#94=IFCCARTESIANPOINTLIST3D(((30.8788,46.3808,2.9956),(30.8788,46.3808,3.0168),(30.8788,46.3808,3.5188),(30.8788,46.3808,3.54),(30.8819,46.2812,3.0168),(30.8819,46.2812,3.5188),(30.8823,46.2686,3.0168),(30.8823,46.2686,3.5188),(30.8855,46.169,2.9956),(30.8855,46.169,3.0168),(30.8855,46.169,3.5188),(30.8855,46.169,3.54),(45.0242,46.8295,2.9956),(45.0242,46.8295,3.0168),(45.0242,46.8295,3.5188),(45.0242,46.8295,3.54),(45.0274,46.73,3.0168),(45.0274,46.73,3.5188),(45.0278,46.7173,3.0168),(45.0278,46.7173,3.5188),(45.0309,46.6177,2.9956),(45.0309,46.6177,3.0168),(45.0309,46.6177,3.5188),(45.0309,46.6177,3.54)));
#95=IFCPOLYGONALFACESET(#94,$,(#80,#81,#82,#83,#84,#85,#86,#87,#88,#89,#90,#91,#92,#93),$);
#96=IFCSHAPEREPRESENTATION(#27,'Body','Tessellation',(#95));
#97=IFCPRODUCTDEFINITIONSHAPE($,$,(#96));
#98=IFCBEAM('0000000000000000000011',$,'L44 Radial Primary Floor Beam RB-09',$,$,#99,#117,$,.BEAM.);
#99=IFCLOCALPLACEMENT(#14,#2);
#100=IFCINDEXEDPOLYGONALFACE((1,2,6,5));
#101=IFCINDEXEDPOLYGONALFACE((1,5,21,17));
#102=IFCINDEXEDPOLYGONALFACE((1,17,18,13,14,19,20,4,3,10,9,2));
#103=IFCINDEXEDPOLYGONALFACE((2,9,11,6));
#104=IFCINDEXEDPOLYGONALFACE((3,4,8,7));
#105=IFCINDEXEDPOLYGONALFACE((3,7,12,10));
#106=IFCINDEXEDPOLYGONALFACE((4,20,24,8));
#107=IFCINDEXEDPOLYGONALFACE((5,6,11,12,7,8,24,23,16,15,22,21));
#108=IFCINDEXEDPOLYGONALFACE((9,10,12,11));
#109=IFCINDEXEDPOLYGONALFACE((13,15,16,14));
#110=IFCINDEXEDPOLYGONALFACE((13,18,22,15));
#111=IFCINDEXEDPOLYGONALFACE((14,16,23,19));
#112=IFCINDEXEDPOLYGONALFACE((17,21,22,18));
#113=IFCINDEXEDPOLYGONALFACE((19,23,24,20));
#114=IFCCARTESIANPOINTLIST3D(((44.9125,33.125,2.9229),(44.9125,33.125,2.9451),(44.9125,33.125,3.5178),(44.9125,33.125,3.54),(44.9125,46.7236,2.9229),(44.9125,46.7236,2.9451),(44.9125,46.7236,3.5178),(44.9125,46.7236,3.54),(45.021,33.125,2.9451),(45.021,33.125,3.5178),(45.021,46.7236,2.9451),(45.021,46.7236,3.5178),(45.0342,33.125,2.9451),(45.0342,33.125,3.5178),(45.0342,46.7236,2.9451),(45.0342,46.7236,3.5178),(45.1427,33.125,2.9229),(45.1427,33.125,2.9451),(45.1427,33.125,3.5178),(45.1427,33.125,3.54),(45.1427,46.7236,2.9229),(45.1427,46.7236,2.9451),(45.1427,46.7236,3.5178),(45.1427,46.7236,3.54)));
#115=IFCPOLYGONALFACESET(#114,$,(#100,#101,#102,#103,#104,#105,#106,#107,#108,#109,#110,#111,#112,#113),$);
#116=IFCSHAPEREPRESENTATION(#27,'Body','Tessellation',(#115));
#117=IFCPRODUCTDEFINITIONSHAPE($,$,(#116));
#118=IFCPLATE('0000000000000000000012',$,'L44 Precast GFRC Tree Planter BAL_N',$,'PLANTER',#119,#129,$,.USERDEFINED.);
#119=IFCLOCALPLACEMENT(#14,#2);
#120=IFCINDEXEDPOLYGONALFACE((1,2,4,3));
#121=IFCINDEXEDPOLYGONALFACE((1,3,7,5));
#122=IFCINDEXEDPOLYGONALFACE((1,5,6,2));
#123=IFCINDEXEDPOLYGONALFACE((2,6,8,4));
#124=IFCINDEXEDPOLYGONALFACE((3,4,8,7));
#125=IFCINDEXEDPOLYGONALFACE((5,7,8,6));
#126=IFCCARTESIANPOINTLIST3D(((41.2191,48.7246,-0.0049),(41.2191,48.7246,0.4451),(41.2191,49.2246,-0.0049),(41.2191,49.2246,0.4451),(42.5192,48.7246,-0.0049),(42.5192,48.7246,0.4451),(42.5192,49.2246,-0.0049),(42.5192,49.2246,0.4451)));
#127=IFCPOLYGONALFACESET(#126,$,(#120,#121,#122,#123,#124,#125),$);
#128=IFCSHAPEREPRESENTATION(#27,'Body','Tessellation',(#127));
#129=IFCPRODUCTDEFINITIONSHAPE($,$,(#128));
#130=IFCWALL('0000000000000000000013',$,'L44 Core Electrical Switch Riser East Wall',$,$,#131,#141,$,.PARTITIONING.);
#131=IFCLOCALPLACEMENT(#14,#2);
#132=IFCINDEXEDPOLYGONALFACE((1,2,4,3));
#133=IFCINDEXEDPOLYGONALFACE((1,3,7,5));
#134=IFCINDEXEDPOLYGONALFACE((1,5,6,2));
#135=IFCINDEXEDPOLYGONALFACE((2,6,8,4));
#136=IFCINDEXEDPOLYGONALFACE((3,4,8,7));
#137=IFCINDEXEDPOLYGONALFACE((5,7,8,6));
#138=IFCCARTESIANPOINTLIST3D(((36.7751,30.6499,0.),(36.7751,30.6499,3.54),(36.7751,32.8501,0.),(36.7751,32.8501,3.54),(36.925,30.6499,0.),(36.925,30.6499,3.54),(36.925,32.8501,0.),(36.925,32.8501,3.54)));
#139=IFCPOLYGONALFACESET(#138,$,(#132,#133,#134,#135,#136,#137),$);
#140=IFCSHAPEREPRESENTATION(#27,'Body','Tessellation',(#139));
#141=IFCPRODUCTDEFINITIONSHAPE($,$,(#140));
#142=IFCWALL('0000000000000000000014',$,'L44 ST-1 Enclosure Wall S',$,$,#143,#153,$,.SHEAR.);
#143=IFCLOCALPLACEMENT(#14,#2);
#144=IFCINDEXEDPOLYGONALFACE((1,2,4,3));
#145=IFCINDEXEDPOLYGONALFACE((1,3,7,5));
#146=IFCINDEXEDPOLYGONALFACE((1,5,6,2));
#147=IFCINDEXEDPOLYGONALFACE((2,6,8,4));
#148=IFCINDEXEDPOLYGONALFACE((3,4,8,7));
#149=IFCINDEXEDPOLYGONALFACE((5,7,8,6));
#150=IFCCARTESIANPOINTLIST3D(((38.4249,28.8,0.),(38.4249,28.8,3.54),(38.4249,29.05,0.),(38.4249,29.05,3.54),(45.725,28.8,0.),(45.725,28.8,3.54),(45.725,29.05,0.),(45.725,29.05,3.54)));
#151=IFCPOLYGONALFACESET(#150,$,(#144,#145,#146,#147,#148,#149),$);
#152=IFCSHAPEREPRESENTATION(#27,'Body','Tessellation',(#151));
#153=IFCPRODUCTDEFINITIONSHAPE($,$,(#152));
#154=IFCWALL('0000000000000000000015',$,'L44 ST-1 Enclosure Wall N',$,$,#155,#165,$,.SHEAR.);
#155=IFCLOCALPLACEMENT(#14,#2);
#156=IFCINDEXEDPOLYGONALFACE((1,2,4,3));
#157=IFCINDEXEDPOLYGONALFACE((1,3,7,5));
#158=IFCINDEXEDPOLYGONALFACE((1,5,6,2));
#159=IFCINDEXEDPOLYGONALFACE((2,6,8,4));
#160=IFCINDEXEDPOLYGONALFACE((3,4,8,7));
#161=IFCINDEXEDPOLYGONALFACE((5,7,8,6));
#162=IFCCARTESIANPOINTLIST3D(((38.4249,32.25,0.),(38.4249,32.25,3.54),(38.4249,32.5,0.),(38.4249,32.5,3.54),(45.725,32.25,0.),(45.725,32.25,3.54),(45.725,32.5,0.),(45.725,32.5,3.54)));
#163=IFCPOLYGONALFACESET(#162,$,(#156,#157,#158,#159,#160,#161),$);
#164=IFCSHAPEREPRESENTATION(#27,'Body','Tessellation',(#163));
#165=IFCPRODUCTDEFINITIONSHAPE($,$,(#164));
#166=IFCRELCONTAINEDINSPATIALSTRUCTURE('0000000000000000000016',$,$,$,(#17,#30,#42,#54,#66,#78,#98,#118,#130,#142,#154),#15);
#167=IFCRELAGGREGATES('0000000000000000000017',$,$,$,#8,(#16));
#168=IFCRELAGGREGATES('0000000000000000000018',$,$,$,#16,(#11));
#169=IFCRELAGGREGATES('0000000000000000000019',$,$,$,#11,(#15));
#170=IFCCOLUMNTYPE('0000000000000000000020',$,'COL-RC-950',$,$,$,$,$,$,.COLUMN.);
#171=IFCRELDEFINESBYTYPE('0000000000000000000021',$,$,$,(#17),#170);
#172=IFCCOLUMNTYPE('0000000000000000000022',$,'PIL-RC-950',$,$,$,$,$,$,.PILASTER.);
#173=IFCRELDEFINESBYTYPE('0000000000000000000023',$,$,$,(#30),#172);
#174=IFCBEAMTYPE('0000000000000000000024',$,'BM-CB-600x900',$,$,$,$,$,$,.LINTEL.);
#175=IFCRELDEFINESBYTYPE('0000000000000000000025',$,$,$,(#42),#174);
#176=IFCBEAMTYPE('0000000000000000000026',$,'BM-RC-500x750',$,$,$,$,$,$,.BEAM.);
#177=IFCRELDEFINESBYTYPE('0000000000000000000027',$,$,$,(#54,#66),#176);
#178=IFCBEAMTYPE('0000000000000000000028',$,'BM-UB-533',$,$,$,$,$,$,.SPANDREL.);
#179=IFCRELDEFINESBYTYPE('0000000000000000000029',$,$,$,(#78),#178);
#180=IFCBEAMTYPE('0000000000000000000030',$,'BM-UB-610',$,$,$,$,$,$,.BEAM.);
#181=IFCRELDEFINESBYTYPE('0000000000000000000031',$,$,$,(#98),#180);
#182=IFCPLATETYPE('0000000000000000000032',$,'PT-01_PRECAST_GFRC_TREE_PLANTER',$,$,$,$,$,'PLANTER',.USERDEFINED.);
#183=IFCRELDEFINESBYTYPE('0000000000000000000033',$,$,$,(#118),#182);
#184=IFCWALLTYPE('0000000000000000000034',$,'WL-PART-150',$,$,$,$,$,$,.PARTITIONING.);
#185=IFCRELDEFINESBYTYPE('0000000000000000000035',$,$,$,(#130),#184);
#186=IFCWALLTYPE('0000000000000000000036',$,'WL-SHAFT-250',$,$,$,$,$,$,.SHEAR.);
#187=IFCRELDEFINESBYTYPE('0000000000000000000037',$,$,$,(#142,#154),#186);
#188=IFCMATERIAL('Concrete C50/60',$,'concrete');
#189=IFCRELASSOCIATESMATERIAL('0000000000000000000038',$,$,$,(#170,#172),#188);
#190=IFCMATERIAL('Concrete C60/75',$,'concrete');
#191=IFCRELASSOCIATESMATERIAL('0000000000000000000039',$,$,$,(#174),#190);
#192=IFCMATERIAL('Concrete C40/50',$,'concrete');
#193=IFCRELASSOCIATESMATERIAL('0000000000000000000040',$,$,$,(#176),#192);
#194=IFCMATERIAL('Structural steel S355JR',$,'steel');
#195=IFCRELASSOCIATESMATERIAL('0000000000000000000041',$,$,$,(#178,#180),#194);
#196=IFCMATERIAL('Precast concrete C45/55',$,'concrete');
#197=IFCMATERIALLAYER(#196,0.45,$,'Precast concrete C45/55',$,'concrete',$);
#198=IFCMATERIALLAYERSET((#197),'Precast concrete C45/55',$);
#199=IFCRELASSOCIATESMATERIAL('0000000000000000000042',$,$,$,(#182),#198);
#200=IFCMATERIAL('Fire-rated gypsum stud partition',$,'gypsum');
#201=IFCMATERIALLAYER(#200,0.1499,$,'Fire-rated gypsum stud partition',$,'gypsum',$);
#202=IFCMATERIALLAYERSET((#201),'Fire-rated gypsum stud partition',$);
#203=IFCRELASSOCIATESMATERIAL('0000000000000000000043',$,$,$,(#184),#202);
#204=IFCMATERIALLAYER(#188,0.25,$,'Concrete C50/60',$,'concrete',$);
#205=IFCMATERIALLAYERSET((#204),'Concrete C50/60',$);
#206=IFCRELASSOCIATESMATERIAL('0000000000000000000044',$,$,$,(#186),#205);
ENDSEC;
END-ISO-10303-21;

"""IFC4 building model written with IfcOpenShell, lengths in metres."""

## TASK
Your reply should be one number: the count of lines above that hold the word "IFCBEAMTYPE".

## EXERCISE ANSWER
4